* Problem description
Lift out each line of the data that holds "IFCRELASSOCIATESMATERIAL".
Start of Block
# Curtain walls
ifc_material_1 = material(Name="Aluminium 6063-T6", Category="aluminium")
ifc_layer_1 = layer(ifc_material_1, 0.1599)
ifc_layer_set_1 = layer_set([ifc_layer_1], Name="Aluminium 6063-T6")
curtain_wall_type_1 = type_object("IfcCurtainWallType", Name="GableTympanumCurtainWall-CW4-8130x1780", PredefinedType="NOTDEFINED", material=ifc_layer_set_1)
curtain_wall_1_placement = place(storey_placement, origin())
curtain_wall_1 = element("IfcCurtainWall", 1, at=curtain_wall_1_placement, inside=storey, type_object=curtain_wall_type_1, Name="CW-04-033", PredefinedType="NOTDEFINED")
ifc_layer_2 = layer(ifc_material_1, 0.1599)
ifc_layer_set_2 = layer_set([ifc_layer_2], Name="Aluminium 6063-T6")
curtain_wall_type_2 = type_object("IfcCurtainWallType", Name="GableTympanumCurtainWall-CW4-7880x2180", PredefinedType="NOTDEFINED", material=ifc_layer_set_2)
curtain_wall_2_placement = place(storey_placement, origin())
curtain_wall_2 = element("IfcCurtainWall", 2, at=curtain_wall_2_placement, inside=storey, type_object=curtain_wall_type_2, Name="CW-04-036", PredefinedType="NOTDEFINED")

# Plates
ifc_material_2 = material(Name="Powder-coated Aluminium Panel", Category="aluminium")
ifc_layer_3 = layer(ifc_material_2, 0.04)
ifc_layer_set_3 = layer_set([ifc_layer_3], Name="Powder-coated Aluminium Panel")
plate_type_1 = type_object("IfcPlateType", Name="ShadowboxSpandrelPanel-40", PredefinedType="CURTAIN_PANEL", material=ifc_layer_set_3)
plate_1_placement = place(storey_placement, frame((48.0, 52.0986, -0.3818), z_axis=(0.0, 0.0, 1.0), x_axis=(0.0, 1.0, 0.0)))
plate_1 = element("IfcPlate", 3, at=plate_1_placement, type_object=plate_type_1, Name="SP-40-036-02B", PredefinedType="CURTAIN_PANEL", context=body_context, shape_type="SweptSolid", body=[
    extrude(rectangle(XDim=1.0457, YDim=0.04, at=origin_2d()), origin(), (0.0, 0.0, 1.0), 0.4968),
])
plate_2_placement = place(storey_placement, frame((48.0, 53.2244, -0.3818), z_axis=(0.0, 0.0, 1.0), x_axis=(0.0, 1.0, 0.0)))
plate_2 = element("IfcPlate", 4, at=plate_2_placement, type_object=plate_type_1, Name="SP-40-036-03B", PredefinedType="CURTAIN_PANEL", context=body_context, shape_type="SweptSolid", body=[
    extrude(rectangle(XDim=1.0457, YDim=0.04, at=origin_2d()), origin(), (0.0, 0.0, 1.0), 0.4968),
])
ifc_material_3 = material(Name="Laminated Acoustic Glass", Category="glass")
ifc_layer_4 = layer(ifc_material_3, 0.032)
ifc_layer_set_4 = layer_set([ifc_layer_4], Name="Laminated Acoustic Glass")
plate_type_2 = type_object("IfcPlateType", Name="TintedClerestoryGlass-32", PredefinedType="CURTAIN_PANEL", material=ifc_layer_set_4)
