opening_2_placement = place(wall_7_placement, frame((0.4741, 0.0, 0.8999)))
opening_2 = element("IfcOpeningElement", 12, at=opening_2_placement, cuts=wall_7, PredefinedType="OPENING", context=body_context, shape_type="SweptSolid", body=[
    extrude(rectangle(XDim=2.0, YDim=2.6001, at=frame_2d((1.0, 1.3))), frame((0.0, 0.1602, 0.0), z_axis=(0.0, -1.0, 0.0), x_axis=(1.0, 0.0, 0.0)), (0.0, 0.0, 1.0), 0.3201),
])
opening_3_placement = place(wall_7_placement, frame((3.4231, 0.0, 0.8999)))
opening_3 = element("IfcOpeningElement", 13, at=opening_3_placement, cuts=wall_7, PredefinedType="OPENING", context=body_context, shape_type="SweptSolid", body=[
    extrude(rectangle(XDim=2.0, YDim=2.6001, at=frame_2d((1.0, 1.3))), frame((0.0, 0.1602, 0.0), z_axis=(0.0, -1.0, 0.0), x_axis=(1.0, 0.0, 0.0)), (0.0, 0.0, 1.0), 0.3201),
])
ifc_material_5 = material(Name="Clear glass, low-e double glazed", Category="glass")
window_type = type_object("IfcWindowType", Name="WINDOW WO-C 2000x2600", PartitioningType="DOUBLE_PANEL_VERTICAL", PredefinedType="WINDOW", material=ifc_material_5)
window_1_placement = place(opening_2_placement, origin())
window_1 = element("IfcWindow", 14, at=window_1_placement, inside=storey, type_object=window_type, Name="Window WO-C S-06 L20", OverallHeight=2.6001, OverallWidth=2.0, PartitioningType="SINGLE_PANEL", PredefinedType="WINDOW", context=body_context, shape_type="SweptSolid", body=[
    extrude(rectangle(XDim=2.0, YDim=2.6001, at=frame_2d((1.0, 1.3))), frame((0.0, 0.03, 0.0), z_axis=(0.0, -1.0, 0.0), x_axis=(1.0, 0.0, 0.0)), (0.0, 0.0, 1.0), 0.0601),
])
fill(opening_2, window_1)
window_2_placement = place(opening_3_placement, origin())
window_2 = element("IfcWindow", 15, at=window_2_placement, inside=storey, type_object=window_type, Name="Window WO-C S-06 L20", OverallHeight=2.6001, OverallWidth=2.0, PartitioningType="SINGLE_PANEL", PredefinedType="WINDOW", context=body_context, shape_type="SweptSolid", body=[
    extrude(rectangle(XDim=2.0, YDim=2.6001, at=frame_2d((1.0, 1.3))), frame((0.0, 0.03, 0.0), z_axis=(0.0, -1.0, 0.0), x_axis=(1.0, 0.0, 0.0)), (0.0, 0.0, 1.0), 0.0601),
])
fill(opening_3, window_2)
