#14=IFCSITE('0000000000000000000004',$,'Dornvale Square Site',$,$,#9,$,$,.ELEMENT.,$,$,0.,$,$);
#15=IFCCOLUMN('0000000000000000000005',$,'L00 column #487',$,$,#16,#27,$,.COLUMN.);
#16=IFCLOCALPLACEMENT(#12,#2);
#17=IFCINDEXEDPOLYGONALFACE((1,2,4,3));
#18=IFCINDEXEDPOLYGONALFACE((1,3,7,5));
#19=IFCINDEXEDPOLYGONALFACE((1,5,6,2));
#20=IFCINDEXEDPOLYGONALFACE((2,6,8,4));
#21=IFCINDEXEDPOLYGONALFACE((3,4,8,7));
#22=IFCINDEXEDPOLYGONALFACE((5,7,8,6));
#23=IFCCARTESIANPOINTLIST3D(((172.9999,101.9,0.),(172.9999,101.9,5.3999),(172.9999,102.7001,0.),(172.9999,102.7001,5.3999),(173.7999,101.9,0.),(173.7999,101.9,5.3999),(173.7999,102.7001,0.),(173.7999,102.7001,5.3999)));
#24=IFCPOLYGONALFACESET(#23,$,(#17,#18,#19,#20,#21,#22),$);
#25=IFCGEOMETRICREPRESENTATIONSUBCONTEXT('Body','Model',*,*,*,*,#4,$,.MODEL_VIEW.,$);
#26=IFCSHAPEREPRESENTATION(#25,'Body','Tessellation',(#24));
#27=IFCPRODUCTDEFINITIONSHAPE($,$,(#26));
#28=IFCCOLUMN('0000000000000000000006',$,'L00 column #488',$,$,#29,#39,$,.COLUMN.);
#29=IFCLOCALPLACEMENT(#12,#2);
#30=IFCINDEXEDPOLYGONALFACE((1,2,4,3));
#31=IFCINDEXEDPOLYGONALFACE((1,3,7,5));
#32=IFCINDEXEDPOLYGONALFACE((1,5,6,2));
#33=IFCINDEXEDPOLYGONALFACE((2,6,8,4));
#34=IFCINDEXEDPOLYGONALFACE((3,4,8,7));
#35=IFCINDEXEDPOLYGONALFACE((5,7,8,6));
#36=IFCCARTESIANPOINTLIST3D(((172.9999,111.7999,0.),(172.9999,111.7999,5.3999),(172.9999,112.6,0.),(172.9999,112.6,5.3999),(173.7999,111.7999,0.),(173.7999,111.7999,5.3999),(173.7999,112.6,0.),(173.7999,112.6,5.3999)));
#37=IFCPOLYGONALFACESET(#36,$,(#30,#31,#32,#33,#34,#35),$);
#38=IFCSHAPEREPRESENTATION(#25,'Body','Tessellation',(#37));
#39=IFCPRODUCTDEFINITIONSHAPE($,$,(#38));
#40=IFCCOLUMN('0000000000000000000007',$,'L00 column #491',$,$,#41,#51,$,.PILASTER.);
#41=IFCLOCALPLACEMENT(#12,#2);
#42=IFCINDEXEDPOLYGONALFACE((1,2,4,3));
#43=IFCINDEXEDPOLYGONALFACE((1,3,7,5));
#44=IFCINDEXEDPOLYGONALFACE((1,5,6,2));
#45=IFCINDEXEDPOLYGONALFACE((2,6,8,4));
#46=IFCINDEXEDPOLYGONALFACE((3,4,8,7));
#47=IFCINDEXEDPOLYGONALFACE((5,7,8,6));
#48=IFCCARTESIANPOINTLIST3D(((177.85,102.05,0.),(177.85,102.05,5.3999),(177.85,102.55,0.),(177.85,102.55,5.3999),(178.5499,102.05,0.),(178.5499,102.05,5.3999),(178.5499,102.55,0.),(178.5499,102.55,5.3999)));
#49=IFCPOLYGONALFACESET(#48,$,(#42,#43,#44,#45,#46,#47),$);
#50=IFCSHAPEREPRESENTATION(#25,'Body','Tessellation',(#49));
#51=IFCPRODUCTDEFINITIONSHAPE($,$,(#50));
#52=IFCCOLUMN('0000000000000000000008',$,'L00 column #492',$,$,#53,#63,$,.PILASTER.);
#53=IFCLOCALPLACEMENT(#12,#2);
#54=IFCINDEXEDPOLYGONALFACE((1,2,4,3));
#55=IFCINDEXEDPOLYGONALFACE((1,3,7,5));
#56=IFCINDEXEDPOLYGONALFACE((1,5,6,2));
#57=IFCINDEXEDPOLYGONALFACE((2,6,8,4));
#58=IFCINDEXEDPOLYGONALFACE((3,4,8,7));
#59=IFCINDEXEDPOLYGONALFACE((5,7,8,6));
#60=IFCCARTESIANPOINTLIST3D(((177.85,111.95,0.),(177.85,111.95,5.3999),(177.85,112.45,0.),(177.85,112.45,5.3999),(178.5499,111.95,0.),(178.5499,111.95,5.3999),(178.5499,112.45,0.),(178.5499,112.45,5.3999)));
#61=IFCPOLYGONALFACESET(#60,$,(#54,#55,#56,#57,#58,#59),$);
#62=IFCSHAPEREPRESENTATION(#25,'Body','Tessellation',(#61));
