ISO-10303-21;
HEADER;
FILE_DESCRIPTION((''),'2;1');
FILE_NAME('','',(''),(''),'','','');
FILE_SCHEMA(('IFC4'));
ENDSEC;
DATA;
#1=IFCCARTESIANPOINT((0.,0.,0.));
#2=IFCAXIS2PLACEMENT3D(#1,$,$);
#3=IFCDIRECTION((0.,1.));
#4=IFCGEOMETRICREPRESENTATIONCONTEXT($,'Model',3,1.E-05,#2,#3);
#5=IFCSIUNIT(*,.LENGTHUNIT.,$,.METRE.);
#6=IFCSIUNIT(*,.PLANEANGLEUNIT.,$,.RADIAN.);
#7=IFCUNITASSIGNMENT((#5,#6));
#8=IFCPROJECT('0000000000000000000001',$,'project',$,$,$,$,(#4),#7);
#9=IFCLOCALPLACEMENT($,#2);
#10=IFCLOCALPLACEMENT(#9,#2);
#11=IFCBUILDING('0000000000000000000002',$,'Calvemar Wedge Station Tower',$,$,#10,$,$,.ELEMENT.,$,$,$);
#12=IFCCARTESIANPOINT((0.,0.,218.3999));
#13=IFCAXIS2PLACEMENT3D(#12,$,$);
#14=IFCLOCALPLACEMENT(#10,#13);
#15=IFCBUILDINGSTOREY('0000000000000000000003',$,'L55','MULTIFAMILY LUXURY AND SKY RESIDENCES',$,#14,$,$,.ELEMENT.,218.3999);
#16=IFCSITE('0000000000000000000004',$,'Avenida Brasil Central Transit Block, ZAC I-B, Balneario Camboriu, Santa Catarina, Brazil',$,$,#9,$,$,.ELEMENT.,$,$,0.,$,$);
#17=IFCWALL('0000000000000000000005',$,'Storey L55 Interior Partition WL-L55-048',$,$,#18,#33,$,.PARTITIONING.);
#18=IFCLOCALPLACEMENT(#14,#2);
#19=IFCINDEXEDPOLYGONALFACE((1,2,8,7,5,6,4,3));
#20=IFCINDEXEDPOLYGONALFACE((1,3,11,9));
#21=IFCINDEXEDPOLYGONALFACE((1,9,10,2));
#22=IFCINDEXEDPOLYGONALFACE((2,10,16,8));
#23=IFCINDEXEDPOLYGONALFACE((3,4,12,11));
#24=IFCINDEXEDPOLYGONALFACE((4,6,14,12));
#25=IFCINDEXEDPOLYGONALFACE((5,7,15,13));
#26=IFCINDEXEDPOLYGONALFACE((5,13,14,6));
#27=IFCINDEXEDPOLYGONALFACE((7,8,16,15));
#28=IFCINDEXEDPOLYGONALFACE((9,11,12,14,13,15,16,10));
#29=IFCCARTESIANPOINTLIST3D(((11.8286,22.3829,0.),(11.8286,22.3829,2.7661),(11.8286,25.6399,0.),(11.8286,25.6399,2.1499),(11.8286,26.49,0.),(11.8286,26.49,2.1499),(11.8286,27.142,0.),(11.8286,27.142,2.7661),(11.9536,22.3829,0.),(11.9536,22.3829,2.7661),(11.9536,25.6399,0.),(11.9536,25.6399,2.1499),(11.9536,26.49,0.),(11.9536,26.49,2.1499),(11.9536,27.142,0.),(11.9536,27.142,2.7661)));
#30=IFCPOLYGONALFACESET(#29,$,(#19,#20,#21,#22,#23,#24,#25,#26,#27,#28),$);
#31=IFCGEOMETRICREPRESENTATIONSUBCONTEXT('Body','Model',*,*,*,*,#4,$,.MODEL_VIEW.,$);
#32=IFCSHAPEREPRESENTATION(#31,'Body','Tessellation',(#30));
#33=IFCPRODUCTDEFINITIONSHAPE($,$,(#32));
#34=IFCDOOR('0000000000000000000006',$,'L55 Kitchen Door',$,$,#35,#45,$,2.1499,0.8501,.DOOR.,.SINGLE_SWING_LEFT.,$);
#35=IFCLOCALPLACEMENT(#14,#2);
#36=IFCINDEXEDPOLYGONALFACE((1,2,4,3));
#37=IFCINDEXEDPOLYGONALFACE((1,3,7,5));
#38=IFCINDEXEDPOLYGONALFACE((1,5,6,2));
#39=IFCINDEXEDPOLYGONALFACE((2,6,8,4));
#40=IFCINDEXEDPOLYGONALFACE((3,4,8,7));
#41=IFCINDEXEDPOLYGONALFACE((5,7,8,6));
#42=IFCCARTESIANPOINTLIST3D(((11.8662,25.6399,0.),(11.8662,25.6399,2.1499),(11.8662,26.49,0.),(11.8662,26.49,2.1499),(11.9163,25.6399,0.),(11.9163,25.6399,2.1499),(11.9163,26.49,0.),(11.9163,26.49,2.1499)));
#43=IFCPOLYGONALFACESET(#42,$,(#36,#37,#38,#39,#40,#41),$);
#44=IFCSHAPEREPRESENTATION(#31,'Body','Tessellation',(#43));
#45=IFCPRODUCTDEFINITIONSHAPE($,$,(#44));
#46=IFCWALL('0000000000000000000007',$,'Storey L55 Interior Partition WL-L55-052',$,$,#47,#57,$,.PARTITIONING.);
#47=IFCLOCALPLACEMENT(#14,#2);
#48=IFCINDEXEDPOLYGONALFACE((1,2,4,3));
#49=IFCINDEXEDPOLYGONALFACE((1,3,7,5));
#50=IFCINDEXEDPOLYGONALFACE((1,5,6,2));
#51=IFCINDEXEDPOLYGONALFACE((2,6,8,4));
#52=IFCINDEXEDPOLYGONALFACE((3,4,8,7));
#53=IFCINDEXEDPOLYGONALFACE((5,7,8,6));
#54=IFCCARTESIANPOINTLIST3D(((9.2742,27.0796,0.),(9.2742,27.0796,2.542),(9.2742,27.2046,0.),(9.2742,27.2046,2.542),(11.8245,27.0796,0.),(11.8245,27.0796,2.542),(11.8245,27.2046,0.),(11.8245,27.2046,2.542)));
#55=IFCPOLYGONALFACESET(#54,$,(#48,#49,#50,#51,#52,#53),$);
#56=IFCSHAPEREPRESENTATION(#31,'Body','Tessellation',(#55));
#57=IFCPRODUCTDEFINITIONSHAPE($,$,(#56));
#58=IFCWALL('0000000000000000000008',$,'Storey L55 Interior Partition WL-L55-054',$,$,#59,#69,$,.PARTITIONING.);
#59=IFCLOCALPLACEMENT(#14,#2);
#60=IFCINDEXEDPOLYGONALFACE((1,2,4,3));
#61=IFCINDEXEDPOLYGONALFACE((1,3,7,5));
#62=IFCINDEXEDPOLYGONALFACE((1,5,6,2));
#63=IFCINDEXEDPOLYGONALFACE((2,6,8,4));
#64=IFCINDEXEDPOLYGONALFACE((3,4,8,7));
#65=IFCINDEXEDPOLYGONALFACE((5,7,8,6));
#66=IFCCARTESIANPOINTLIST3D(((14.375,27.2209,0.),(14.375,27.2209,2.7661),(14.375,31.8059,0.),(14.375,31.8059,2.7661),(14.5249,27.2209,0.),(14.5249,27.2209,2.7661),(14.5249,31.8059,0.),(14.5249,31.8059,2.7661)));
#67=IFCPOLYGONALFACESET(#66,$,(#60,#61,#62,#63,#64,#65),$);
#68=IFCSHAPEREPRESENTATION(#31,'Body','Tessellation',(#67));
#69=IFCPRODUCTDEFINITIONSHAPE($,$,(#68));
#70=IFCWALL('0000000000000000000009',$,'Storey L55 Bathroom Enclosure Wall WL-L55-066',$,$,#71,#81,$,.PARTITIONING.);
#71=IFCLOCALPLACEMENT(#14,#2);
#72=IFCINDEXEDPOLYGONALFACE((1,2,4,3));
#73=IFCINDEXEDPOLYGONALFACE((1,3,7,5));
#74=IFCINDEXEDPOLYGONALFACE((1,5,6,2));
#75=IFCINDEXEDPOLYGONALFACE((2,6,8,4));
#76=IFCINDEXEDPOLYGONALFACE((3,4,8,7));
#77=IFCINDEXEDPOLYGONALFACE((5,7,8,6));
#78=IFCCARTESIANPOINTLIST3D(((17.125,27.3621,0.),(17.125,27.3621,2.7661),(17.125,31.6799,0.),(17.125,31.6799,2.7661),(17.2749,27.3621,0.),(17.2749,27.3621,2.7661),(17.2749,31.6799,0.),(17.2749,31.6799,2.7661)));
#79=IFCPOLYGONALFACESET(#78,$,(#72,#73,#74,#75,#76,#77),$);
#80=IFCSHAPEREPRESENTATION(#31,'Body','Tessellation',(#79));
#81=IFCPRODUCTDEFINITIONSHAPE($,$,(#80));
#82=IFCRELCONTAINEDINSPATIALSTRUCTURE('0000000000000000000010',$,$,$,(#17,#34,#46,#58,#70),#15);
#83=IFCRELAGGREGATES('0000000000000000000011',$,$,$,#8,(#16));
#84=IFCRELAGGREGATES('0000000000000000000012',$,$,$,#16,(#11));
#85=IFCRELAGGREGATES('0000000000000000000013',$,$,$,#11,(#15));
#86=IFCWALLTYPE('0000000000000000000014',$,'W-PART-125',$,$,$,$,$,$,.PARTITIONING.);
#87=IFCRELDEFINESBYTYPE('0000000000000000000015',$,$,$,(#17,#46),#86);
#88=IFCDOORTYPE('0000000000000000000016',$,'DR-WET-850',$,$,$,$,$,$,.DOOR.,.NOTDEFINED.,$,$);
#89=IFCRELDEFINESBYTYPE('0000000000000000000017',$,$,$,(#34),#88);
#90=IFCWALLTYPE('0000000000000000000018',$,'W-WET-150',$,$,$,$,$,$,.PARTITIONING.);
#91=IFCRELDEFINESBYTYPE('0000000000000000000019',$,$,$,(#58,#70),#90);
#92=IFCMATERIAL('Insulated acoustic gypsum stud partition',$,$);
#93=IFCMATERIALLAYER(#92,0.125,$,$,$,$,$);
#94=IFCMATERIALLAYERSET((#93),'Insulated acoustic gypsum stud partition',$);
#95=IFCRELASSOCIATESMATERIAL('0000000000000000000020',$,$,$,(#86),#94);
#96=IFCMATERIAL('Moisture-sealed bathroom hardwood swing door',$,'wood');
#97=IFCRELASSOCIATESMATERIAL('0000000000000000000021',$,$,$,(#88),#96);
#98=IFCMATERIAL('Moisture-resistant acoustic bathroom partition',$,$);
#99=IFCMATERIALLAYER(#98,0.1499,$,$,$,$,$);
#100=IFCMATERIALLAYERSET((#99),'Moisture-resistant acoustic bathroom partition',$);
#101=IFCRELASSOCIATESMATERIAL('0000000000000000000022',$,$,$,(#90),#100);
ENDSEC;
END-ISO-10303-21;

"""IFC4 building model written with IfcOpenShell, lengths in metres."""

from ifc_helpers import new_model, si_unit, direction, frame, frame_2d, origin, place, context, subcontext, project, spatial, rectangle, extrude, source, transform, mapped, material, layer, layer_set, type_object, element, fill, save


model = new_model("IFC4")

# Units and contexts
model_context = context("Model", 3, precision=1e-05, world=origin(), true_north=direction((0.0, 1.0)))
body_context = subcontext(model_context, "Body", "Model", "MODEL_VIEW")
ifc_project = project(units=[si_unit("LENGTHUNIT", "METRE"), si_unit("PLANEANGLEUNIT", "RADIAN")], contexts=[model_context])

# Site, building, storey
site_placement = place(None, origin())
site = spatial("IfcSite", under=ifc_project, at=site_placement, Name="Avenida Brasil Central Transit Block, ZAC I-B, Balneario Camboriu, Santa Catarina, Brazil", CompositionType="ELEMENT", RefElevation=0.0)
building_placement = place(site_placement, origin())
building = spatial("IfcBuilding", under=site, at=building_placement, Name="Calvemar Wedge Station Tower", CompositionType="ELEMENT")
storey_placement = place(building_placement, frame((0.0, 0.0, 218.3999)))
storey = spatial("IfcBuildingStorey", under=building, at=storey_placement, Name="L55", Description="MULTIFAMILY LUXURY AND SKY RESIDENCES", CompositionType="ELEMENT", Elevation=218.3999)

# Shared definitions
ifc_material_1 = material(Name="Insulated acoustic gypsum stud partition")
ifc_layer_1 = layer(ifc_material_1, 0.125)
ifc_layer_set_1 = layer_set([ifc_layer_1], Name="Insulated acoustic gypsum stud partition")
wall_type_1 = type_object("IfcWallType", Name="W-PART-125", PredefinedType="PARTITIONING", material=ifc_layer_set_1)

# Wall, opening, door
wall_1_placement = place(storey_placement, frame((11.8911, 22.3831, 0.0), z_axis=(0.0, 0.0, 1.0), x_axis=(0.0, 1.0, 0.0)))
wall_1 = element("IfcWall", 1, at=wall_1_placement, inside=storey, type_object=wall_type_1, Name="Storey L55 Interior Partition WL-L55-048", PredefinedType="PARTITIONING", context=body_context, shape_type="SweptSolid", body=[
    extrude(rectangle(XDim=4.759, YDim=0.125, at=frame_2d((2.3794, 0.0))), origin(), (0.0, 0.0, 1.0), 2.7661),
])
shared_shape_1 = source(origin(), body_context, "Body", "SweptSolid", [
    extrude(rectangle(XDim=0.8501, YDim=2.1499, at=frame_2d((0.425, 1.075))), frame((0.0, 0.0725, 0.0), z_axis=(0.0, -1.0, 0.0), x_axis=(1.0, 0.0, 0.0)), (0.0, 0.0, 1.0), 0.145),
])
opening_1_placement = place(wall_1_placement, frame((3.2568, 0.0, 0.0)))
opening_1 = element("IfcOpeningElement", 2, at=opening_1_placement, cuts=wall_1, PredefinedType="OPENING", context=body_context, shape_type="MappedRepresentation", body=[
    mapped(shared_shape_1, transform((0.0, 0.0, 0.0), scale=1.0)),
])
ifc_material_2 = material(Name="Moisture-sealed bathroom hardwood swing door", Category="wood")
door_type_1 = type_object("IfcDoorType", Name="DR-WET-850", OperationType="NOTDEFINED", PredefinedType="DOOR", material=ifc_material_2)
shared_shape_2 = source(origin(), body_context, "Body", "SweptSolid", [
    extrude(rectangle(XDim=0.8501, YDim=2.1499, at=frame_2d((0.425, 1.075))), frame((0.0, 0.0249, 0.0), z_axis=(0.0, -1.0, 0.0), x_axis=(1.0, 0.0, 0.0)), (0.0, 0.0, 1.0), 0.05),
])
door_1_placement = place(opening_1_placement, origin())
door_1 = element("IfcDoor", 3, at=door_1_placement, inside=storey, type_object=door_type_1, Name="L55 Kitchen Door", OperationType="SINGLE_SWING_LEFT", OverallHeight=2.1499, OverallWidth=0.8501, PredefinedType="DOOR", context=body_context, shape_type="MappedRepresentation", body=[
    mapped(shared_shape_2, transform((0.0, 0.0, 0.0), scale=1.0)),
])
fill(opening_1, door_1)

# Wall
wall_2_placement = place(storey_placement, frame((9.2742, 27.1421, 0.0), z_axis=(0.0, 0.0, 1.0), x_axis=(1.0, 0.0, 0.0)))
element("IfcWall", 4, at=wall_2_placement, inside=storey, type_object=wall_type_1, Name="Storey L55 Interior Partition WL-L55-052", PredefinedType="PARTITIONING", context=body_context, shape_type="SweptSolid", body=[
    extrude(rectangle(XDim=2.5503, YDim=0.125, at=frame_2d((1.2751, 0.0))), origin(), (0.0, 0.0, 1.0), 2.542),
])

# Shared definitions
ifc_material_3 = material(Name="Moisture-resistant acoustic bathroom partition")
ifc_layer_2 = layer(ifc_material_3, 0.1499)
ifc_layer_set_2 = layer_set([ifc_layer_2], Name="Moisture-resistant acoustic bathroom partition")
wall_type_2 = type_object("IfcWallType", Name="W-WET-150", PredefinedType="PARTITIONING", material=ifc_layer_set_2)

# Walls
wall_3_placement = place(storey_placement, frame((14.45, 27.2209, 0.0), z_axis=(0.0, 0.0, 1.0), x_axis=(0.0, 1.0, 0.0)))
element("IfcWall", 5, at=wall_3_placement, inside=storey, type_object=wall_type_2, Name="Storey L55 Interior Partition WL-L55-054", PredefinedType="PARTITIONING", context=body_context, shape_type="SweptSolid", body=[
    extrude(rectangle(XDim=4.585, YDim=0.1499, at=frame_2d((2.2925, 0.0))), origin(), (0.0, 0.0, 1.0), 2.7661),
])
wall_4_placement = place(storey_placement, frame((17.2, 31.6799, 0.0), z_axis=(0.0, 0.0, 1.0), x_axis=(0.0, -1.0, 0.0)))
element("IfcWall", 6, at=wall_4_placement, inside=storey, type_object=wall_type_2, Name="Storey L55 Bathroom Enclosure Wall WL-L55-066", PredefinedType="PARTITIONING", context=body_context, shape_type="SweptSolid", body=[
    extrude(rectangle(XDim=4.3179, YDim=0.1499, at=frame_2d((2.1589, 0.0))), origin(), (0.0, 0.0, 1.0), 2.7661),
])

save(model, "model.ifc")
End of Block
* Expected answer
#95=IFCRELASSOCIATESMATERIAL('0000000000000000000020',$,$,$,(#86),#94);
#97=IFCRELASSOCIATESMATERIAL('0000000000000000000021',$,$,$,(#88),#96);
#101=IFCRELASSOCIATESMATERIAL('0000000000000000000022',$,$,$,(#90),#100);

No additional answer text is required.